Exercise aim: Only one stretch of the records below should be repeated. It starts with the line containing "#114=IFCINDEXEDPOLYGONALFACE((35,36,40,39));" and goes on through the line containing "#116=IFCINDEXEDPOLYGONALFACE((39,40,42,41));", exactly as written.

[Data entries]
*** Block opens ***

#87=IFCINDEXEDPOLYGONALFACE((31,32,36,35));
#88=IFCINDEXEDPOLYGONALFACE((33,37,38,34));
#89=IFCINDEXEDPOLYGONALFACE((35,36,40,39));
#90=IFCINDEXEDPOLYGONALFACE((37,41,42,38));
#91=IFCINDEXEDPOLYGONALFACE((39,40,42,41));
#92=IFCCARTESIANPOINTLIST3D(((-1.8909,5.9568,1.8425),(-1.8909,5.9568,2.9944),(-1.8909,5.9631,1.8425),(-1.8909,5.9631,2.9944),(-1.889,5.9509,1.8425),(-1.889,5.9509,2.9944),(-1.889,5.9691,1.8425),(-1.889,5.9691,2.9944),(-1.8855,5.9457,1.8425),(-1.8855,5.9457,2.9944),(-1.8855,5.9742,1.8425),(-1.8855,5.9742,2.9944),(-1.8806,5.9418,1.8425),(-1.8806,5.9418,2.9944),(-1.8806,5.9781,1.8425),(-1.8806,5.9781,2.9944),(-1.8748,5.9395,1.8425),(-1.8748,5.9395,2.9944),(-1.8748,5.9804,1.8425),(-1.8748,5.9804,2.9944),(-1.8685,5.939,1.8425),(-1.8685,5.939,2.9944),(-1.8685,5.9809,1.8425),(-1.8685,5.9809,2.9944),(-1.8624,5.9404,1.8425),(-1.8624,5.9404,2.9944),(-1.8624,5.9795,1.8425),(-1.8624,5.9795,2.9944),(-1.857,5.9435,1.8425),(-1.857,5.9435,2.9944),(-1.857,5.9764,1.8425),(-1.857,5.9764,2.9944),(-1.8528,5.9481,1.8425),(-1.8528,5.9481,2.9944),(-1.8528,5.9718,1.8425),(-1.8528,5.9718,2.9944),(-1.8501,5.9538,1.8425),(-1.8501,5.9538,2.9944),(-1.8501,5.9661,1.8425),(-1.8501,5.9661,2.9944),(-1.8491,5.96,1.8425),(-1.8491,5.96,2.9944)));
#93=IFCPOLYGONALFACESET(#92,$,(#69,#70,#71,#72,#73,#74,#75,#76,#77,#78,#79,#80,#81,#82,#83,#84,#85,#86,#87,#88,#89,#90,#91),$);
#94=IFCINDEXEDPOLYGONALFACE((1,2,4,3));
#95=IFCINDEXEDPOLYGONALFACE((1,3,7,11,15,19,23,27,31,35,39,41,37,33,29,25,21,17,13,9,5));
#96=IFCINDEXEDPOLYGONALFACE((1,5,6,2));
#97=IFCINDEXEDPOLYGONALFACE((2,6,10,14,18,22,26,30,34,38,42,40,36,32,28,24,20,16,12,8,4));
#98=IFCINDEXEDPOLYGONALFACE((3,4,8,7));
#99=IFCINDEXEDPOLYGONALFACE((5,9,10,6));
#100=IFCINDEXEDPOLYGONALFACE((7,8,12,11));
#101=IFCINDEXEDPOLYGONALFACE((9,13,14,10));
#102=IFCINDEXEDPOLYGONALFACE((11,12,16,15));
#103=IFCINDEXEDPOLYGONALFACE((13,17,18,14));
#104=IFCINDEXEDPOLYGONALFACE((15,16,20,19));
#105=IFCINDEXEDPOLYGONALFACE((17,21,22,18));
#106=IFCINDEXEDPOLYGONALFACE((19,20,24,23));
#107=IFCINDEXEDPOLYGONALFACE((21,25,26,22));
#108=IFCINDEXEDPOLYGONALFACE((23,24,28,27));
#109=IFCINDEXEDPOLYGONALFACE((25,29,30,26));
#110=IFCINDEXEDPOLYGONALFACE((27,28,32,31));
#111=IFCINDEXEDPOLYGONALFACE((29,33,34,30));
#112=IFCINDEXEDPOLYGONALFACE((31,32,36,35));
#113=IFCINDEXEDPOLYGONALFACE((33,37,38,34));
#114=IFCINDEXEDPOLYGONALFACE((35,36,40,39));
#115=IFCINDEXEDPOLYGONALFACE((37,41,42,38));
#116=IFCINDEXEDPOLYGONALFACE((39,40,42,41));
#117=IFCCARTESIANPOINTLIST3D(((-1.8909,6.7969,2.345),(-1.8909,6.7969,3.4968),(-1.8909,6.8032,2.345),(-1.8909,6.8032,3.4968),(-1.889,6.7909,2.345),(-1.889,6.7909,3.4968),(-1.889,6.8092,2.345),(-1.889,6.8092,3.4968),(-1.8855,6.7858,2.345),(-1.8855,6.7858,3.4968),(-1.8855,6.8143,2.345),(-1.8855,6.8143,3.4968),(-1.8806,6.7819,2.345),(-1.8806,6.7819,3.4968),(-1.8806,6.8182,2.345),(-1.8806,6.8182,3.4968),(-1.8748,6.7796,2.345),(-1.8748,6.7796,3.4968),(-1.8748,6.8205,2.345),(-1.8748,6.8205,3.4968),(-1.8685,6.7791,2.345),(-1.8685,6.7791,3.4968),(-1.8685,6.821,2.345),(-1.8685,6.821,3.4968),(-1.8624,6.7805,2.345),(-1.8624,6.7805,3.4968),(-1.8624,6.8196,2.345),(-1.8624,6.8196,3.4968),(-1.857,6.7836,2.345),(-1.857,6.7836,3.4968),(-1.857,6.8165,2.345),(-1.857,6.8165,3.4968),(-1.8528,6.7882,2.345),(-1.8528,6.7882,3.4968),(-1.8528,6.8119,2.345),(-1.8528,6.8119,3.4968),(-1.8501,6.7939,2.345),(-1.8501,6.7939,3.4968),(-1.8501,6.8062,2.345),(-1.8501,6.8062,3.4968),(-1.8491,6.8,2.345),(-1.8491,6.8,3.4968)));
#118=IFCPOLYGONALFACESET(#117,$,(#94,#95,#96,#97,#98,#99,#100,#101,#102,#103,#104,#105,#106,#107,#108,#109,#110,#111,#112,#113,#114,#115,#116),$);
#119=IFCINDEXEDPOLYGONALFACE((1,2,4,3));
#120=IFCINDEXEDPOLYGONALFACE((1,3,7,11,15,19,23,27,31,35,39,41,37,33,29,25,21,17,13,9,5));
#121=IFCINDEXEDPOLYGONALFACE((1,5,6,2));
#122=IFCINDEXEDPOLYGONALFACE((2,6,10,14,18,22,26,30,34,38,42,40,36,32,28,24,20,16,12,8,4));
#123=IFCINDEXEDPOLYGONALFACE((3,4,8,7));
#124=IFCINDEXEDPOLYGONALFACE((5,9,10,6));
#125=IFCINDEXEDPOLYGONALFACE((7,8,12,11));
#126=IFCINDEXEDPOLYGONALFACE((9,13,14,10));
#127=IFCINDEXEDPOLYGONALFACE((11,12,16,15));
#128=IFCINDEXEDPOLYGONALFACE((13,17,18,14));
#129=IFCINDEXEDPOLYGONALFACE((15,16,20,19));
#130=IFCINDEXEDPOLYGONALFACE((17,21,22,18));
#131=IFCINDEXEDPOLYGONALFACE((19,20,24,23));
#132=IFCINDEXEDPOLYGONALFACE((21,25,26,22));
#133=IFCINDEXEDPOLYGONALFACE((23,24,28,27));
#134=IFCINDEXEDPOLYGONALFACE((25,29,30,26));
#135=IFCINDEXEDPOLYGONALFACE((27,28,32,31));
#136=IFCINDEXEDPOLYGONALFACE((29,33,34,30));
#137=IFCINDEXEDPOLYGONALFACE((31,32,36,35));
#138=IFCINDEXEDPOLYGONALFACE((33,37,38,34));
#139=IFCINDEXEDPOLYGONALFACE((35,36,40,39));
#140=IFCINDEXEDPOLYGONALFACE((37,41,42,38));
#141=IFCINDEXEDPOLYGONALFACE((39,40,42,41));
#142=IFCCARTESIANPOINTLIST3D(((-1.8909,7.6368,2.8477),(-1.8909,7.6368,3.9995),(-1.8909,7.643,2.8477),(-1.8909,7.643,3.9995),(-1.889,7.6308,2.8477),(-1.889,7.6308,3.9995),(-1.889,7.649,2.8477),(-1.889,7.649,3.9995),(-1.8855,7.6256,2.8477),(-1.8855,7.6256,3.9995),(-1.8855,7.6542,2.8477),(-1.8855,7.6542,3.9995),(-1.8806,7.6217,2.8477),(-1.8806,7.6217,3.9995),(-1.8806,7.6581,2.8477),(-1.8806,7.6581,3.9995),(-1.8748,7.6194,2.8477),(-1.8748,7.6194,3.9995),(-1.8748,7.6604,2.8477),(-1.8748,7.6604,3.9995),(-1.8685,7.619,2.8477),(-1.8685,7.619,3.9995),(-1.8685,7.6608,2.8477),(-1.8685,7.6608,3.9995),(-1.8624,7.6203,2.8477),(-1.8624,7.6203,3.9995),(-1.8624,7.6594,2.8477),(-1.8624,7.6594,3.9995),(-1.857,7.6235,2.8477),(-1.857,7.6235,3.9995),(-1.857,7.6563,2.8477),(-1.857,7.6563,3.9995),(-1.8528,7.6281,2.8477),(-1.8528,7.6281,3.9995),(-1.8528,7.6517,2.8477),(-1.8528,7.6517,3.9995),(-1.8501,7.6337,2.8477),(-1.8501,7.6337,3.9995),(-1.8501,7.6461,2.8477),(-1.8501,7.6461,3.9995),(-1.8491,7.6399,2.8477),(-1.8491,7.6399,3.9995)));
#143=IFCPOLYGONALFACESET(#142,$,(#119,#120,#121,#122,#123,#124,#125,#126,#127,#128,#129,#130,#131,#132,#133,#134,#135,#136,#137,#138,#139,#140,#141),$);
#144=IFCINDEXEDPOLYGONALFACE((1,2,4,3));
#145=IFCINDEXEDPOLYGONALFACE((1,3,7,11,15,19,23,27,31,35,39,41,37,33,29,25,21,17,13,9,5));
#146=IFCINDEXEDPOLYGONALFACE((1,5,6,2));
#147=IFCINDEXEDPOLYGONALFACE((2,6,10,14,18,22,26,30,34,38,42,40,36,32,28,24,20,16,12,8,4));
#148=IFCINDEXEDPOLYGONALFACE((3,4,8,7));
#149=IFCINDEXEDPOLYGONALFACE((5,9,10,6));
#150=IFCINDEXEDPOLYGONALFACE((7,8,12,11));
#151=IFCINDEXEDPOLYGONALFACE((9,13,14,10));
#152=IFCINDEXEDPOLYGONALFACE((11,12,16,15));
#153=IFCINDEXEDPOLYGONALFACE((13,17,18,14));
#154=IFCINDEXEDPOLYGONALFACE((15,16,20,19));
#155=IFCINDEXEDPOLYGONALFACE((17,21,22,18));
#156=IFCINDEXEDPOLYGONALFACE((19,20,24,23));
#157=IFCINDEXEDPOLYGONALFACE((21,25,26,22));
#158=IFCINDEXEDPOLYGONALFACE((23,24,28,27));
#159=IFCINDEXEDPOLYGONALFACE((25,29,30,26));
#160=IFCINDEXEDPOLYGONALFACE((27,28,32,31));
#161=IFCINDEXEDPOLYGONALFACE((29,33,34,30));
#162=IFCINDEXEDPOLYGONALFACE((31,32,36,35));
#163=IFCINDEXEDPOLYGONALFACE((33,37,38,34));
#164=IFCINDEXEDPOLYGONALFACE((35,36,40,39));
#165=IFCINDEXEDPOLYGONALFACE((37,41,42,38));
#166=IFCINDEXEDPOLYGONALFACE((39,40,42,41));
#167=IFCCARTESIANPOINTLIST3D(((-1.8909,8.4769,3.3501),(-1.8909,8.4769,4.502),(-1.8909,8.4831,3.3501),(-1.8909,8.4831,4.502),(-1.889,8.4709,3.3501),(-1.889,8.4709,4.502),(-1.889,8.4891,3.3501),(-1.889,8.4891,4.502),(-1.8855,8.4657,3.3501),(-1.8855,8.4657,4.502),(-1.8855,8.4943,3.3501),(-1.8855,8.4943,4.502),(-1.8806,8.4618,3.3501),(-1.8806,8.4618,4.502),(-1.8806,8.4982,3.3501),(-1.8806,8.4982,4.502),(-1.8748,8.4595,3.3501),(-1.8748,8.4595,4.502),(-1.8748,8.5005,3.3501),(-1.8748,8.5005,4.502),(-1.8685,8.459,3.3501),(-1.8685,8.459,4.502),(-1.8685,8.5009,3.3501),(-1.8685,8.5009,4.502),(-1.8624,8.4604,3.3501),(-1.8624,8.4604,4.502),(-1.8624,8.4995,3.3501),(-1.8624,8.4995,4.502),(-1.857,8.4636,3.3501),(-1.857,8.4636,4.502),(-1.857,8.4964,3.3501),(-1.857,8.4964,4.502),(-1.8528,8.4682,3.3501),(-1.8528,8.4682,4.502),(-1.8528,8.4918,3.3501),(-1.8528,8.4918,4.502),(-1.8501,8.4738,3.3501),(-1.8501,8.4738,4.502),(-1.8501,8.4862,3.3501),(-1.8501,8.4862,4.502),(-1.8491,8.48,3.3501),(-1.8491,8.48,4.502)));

*** Block closes ***

Solution below:
#114=IFCINDEXEDPOLYGONALFACE((35,36,40,39));
#115=IFCINDEXEDPOLYGONALFACE((37,41,42,38));
#116=IFCINDEXEDPOLYGONALFACE((39,40,42,41));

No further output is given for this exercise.